Collected data entries:
- - -

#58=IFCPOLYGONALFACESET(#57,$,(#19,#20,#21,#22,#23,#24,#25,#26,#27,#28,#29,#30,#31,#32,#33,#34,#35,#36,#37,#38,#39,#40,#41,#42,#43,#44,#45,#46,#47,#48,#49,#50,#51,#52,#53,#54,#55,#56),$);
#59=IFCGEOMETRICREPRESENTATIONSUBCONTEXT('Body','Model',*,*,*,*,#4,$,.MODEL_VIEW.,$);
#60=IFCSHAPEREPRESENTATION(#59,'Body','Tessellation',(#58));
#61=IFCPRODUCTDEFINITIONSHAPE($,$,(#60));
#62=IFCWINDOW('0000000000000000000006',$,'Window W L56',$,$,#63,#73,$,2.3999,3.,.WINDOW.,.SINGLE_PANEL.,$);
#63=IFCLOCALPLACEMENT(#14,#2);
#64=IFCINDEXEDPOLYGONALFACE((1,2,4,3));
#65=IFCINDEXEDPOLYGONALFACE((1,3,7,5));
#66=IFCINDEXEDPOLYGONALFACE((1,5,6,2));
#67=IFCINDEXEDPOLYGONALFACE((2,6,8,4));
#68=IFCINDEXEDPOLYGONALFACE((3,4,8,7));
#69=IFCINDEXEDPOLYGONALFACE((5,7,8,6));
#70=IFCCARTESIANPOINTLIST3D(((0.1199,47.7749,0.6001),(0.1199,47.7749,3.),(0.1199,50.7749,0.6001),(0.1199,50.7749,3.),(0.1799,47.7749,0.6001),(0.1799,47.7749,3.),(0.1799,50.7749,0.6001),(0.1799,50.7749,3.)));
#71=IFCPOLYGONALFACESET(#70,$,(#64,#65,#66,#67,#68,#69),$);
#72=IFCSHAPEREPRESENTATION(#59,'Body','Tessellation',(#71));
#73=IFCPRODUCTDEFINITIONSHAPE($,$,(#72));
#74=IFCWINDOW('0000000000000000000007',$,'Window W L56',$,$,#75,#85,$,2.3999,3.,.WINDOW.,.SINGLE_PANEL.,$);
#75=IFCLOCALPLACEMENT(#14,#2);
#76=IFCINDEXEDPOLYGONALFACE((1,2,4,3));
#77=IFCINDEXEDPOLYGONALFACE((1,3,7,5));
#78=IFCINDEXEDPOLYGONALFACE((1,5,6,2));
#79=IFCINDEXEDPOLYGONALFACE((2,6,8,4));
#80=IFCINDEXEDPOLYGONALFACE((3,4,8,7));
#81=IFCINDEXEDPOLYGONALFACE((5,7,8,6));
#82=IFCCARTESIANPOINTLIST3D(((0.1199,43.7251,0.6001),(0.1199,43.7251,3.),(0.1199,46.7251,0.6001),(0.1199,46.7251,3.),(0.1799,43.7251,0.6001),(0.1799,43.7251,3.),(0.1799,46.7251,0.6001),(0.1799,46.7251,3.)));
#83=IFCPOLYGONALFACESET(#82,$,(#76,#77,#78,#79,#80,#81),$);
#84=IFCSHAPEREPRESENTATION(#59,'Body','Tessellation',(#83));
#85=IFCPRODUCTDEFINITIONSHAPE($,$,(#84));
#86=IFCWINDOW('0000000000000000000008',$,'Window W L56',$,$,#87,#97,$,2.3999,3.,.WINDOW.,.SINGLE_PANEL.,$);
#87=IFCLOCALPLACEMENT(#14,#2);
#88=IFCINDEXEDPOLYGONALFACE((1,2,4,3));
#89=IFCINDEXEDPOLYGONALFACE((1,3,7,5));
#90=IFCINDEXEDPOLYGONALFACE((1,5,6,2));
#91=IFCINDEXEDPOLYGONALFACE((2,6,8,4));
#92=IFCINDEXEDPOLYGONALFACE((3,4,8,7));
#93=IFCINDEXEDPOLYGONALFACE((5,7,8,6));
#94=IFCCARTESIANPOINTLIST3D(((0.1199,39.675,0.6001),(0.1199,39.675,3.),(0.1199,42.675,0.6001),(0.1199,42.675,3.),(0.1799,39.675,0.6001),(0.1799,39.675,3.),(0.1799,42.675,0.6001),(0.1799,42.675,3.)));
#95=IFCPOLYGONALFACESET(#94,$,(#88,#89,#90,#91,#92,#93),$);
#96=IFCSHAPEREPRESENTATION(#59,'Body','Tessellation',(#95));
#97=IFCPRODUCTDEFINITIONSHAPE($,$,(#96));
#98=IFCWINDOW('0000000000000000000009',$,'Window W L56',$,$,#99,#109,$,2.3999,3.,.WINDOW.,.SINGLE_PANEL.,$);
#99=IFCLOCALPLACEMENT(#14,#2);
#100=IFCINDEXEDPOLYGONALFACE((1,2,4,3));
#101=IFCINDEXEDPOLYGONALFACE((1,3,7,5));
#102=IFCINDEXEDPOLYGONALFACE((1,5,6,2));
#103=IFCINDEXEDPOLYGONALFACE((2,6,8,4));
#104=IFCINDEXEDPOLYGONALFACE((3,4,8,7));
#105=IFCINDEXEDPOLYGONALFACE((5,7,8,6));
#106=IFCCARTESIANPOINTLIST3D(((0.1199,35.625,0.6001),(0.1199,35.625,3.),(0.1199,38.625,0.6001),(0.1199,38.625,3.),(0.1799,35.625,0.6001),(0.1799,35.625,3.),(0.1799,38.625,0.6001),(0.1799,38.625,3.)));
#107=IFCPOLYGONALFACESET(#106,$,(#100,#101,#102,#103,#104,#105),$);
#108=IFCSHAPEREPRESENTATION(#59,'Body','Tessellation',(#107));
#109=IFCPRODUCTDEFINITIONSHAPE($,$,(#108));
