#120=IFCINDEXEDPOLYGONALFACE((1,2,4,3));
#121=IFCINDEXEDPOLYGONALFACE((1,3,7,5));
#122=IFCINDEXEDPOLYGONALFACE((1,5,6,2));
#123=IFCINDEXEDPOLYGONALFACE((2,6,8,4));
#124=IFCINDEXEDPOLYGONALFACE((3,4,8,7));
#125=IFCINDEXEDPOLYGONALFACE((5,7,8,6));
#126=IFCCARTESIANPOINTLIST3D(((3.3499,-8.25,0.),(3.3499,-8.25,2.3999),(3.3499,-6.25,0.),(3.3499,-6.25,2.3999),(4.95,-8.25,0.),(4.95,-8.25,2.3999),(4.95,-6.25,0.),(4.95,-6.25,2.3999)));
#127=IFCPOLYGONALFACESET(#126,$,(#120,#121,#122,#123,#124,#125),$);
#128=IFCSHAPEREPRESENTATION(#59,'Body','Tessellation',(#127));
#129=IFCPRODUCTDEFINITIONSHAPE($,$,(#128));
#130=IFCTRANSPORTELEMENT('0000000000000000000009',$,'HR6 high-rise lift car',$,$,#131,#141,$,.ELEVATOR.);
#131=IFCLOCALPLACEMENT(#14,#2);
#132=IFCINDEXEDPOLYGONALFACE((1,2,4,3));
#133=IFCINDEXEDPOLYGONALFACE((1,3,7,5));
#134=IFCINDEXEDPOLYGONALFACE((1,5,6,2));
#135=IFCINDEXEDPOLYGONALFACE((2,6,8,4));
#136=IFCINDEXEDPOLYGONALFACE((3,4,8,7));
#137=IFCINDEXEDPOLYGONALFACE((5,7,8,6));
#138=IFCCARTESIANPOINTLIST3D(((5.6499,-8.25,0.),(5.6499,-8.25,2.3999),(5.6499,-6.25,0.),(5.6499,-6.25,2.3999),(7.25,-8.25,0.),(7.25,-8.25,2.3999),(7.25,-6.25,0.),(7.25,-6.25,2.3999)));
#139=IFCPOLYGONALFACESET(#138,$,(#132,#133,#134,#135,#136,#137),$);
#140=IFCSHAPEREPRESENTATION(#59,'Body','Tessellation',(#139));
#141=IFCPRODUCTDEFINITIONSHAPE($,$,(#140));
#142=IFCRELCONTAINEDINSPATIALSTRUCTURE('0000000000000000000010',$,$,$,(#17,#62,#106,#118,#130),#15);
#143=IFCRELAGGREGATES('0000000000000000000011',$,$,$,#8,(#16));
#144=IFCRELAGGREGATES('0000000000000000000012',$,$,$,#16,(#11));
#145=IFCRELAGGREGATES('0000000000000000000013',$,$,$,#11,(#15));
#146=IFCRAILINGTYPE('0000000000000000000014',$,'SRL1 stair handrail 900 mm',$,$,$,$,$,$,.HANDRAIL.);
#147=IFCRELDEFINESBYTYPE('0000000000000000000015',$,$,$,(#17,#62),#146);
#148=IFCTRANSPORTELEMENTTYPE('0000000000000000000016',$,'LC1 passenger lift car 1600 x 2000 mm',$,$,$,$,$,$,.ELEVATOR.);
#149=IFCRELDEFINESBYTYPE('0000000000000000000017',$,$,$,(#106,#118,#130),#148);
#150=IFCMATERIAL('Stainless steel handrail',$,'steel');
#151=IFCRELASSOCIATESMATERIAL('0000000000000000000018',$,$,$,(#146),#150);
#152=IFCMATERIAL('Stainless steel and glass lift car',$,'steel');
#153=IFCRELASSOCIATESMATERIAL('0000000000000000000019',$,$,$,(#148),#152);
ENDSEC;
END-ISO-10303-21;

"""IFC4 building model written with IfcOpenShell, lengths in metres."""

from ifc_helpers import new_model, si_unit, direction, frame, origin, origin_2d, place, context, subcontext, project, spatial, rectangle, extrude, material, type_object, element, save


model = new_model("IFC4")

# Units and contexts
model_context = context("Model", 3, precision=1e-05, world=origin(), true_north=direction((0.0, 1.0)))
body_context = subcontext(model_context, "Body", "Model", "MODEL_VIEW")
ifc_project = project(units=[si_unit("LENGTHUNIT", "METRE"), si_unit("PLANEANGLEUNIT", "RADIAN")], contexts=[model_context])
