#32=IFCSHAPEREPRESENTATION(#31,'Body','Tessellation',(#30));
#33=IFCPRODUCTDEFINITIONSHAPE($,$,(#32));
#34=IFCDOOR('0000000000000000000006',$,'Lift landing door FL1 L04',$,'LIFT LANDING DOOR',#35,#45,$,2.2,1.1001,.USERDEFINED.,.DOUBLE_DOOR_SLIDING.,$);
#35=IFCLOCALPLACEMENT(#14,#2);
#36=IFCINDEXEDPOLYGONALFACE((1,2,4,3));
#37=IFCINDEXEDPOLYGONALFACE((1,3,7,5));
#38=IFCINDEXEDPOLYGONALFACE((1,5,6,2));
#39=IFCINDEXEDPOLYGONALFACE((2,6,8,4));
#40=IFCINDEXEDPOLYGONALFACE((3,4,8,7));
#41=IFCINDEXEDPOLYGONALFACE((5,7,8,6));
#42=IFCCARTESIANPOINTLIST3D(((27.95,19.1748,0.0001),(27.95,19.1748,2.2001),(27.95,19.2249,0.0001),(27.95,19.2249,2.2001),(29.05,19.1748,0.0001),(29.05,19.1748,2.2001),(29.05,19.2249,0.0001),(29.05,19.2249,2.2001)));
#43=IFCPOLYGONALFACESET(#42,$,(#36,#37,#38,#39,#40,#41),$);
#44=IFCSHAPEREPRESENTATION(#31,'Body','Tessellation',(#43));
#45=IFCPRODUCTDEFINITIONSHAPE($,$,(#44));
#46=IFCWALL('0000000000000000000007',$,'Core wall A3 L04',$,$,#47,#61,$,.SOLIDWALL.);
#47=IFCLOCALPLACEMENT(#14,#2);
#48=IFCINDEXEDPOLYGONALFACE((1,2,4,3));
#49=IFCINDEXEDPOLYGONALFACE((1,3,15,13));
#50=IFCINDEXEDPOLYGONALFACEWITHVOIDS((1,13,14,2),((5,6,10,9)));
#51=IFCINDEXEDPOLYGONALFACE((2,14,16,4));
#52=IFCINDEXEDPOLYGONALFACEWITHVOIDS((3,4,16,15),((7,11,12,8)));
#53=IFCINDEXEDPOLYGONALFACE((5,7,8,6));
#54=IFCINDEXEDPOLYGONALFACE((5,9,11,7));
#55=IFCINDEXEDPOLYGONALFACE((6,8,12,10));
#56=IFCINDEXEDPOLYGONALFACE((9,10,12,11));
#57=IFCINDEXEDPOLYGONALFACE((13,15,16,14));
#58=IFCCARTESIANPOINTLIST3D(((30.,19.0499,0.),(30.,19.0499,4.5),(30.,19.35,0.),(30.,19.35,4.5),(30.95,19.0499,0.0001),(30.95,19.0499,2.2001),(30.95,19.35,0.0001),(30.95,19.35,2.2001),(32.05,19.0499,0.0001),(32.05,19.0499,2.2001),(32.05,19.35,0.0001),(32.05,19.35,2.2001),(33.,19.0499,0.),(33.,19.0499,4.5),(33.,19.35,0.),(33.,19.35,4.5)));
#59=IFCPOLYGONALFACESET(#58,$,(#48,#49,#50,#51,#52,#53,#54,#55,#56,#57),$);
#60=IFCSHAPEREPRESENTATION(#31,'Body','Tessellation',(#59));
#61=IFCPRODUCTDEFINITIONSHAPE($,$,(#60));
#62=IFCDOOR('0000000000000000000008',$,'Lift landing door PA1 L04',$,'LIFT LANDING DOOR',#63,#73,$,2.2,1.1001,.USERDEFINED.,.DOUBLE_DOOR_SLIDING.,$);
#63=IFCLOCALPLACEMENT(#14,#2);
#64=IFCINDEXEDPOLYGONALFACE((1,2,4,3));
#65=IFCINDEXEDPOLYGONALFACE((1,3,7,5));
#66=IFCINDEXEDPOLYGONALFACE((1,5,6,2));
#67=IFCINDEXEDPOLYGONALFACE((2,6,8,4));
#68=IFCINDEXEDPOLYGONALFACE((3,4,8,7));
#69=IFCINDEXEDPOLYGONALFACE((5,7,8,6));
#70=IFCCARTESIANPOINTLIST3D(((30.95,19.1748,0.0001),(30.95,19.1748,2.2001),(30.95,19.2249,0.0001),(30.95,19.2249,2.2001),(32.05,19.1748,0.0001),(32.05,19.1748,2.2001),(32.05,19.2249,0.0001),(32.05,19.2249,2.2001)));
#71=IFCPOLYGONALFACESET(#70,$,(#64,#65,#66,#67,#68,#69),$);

- - -

Exercise requirements: Copy out the range of lines above starting at the line with "END-ISO-10303-21;" and ending at the line with "# Units and contexts", exactly and including both.

Response box:
END-ISO-10303-21;

"""IFC4 building model written with IfcOpenShell, lengths in metres."""

from ifc_helpers import new_model, si_unit, direction, frame, origin, origin_2d, place, context, subcontext, project, spatial, rectangle, extrude, material, type_object, element, save


model = new_model("IFC4")

# Units and contexts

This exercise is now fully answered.